What to work on -> When the word "Powder" shows up in a line of the data below, copy that whole line.

Collected data:
.....

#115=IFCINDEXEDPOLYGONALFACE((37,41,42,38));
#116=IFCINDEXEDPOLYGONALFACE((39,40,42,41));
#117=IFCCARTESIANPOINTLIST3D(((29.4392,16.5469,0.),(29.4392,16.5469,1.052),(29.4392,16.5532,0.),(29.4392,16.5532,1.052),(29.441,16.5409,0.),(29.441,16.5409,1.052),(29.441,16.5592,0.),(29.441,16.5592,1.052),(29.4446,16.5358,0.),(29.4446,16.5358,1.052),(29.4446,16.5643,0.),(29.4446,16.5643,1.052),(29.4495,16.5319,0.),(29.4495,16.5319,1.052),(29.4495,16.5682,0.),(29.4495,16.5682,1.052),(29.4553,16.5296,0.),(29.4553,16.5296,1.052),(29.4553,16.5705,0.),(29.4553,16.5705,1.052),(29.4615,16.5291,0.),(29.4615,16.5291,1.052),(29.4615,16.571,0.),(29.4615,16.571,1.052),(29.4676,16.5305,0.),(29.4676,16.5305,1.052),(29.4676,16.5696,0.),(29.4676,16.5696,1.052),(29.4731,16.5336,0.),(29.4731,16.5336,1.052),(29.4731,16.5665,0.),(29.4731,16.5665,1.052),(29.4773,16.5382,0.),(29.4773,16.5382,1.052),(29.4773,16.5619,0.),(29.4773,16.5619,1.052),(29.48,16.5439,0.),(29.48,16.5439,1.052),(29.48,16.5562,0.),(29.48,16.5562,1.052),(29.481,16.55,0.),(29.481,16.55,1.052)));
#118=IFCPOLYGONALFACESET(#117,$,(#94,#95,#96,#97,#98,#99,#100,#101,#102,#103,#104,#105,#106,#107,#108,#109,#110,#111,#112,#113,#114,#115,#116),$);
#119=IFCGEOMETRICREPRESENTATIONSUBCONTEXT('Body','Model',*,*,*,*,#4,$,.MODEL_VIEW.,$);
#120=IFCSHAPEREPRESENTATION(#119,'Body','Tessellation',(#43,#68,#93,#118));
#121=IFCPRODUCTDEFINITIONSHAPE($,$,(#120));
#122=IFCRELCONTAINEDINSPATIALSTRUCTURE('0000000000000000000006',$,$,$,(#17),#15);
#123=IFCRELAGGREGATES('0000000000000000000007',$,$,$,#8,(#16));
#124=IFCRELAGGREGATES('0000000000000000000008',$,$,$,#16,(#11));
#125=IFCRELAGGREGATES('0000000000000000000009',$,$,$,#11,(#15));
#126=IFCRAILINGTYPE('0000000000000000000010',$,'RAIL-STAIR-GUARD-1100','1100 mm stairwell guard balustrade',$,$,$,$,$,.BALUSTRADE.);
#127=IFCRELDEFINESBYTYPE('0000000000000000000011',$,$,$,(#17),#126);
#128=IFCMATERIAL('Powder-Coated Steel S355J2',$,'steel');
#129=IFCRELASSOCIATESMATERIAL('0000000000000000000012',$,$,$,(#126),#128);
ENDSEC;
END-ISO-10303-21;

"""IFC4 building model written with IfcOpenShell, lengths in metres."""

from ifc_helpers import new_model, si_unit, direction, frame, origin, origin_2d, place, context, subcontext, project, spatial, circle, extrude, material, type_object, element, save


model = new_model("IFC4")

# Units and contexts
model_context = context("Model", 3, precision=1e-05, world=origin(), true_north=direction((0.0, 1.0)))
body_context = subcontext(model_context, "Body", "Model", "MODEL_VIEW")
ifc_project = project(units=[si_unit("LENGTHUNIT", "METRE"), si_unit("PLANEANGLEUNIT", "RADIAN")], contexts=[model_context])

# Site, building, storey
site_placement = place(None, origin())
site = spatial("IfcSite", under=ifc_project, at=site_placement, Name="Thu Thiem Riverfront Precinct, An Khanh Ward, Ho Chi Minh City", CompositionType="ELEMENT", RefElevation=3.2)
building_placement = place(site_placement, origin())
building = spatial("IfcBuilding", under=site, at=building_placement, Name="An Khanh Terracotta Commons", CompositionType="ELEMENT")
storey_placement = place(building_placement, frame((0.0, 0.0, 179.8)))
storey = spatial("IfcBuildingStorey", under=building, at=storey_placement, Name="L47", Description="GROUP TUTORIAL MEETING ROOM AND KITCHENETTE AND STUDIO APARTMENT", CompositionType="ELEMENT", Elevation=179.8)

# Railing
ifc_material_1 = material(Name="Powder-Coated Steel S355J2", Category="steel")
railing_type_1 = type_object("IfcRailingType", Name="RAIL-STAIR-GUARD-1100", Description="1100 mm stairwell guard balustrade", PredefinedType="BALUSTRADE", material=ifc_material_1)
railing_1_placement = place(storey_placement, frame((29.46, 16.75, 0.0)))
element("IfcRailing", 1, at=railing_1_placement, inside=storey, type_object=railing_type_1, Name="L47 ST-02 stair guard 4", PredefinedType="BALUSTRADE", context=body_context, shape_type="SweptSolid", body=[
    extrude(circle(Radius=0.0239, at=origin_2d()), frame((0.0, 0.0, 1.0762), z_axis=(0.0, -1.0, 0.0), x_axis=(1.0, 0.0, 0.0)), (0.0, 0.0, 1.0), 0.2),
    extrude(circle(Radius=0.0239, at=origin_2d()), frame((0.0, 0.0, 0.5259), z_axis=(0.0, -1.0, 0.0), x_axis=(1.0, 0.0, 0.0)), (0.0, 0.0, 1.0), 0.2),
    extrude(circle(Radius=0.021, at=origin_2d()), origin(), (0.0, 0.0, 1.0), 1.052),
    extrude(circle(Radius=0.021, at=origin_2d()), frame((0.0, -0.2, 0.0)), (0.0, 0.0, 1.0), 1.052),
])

.....

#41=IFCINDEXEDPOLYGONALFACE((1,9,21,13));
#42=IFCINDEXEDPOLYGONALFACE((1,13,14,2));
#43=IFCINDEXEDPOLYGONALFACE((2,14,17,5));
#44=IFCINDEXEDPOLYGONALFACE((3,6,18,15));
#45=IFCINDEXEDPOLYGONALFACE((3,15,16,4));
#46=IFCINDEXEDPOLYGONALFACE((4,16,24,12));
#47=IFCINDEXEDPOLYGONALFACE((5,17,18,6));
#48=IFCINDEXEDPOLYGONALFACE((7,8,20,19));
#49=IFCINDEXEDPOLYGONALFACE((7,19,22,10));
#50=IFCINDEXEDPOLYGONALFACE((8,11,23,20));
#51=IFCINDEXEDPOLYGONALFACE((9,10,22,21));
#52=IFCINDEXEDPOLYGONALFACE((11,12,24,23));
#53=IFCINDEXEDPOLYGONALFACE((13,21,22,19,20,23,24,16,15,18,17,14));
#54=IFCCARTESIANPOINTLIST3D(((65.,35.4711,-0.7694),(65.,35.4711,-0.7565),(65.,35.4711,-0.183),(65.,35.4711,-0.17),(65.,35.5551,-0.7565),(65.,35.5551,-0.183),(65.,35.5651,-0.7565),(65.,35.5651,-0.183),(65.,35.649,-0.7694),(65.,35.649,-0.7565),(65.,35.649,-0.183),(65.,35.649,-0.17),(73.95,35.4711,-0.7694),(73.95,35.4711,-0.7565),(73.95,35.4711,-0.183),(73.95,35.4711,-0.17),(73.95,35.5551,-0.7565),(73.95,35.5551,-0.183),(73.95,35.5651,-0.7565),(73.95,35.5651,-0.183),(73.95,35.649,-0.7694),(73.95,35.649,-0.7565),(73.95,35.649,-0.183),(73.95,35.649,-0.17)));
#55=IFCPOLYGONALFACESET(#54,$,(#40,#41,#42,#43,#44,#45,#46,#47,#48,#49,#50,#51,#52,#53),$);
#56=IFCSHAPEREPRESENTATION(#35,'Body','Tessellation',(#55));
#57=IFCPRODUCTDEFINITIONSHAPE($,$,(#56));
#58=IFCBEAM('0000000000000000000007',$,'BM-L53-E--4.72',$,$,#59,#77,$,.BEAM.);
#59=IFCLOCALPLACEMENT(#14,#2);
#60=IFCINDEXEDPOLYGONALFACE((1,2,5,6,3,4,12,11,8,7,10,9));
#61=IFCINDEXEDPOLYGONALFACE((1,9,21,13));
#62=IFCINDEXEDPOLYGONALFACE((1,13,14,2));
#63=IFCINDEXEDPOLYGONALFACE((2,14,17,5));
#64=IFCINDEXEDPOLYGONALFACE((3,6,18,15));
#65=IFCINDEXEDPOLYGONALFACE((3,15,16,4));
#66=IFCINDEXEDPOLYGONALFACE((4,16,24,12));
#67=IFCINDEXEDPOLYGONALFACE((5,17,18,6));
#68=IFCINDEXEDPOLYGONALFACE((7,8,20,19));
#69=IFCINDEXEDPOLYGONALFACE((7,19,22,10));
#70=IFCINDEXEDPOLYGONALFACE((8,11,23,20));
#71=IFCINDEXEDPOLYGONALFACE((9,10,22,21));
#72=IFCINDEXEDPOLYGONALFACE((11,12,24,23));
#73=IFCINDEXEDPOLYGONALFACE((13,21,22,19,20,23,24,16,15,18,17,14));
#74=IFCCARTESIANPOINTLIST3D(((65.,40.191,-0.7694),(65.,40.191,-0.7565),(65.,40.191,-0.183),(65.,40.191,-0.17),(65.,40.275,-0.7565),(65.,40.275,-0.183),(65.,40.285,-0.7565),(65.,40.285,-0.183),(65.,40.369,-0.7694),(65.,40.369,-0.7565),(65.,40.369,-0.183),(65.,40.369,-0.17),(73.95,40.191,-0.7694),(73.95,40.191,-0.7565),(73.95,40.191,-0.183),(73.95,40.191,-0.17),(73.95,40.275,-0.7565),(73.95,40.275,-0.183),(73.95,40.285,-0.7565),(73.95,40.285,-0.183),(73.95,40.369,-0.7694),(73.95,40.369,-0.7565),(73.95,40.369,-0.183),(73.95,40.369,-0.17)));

.....

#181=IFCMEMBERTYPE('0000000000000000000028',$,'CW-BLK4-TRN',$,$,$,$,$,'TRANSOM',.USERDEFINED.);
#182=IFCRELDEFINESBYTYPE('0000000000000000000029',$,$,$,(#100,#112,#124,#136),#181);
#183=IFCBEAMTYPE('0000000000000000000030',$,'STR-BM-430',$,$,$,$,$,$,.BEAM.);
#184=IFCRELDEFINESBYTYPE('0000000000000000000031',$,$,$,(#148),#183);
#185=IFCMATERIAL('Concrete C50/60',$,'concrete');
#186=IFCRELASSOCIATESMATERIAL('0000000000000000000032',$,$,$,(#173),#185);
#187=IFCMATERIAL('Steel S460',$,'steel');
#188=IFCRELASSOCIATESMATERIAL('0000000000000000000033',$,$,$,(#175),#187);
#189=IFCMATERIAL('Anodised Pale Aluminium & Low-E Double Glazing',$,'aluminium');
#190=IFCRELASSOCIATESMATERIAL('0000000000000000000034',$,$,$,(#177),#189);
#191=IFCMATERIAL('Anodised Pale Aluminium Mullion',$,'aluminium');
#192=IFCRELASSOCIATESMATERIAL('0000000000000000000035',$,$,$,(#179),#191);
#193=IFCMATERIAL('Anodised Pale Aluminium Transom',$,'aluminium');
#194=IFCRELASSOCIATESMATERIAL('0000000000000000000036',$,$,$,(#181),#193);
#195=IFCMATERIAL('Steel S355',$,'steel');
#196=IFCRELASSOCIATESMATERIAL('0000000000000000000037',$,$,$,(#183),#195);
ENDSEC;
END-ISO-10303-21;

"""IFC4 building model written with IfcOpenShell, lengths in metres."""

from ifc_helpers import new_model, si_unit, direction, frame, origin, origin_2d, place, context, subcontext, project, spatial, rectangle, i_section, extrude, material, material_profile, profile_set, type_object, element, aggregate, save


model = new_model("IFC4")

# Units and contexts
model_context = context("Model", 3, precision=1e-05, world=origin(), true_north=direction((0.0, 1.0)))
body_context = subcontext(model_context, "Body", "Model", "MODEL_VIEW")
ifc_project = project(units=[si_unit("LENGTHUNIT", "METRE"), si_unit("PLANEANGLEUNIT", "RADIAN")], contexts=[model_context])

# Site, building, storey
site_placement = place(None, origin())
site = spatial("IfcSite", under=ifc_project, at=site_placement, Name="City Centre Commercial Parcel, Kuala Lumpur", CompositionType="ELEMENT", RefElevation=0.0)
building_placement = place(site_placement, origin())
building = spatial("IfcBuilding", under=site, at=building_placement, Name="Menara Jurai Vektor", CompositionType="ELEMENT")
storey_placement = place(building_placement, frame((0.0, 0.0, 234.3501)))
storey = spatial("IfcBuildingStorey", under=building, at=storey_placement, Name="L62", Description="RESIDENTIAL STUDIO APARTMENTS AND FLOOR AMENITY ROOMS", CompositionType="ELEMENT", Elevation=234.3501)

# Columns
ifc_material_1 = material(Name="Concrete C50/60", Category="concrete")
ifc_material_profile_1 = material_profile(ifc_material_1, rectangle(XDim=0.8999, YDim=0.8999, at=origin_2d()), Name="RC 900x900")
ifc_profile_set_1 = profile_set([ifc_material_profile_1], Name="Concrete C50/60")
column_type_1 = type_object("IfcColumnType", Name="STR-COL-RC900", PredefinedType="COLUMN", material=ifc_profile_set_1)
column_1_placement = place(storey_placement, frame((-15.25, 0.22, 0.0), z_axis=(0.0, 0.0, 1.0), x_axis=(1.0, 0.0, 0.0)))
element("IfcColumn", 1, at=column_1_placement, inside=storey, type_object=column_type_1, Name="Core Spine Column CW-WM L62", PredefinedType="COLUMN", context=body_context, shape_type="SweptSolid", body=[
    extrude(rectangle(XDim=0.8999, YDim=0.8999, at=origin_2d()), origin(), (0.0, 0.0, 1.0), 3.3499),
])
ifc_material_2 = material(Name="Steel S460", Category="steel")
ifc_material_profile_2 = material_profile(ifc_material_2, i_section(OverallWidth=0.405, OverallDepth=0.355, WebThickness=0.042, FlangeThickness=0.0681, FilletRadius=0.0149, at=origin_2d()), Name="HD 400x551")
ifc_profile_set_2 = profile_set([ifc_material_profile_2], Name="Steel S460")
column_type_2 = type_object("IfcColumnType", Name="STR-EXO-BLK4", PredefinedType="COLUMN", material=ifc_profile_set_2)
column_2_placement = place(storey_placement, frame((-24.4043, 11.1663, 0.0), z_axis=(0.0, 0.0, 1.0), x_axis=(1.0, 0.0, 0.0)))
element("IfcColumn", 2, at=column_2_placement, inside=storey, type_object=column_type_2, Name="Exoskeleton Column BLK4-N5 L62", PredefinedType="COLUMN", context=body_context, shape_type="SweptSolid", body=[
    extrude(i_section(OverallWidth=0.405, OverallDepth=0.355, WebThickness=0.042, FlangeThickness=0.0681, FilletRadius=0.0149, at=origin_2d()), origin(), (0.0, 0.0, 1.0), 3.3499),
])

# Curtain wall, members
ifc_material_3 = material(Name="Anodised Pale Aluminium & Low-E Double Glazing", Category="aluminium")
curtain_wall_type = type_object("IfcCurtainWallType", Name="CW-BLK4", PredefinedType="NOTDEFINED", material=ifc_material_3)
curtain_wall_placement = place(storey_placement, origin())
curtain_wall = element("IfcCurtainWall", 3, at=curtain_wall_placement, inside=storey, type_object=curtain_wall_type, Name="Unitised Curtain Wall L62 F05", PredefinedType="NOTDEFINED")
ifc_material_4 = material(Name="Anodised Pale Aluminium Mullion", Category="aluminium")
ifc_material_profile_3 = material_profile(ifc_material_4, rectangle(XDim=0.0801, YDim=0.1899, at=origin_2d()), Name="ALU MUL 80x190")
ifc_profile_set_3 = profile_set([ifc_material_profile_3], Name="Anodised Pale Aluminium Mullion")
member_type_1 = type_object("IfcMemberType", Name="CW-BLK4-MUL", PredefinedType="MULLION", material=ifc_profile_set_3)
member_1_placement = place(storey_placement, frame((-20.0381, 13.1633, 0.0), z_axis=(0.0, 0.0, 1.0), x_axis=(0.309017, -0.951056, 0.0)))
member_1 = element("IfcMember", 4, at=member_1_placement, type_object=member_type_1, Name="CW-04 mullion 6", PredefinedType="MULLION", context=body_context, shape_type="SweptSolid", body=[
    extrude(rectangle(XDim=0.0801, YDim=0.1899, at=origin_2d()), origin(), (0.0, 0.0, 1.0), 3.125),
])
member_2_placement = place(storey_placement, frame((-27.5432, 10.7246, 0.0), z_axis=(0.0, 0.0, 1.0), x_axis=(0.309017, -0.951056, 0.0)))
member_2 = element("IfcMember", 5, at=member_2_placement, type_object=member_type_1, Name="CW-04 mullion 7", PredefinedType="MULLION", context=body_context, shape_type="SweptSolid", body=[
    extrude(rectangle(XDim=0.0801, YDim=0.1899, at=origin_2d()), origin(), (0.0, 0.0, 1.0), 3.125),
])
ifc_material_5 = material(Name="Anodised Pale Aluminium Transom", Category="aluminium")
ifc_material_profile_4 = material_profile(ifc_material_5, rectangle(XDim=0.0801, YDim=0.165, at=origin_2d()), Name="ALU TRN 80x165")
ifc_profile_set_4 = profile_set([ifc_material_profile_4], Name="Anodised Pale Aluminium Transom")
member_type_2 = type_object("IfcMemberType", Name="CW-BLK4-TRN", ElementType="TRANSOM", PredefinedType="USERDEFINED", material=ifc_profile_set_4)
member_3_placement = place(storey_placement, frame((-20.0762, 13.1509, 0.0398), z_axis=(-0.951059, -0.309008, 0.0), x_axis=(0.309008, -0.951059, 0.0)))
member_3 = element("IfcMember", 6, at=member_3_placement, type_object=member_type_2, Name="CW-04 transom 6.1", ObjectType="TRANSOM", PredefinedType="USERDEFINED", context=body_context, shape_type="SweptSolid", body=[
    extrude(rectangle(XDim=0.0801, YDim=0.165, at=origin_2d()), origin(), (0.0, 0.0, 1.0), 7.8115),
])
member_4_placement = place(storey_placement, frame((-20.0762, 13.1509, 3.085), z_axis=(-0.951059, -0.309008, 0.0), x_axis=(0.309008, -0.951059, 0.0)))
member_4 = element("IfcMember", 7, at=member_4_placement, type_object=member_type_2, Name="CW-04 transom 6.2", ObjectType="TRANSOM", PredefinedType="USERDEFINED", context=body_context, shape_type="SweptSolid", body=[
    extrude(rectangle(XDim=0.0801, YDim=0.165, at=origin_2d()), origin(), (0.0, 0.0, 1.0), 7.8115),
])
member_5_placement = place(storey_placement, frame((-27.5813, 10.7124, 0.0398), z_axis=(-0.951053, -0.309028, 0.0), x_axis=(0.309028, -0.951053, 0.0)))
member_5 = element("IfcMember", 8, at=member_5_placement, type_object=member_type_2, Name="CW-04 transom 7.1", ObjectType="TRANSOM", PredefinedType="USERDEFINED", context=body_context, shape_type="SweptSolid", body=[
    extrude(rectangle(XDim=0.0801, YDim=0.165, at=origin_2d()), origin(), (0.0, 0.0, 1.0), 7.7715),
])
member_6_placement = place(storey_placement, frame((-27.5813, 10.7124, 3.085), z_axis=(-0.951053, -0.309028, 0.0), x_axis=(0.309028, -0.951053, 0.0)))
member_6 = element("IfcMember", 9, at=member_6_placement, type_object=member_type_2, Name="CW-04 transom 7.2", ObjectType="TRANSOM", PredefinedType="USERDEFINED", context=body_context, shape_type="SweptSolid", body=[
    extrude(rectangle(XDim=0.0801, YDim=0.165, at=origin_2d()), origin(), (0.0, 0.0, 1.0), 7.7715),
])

.....

Answer to this exercise ->
#128=IFCMATERIAL('Powder-Coated Steel S355J2',$,'steel');
ifc_material_1 = material(Name="Powder-Coated Steel S355J2", Category="steel")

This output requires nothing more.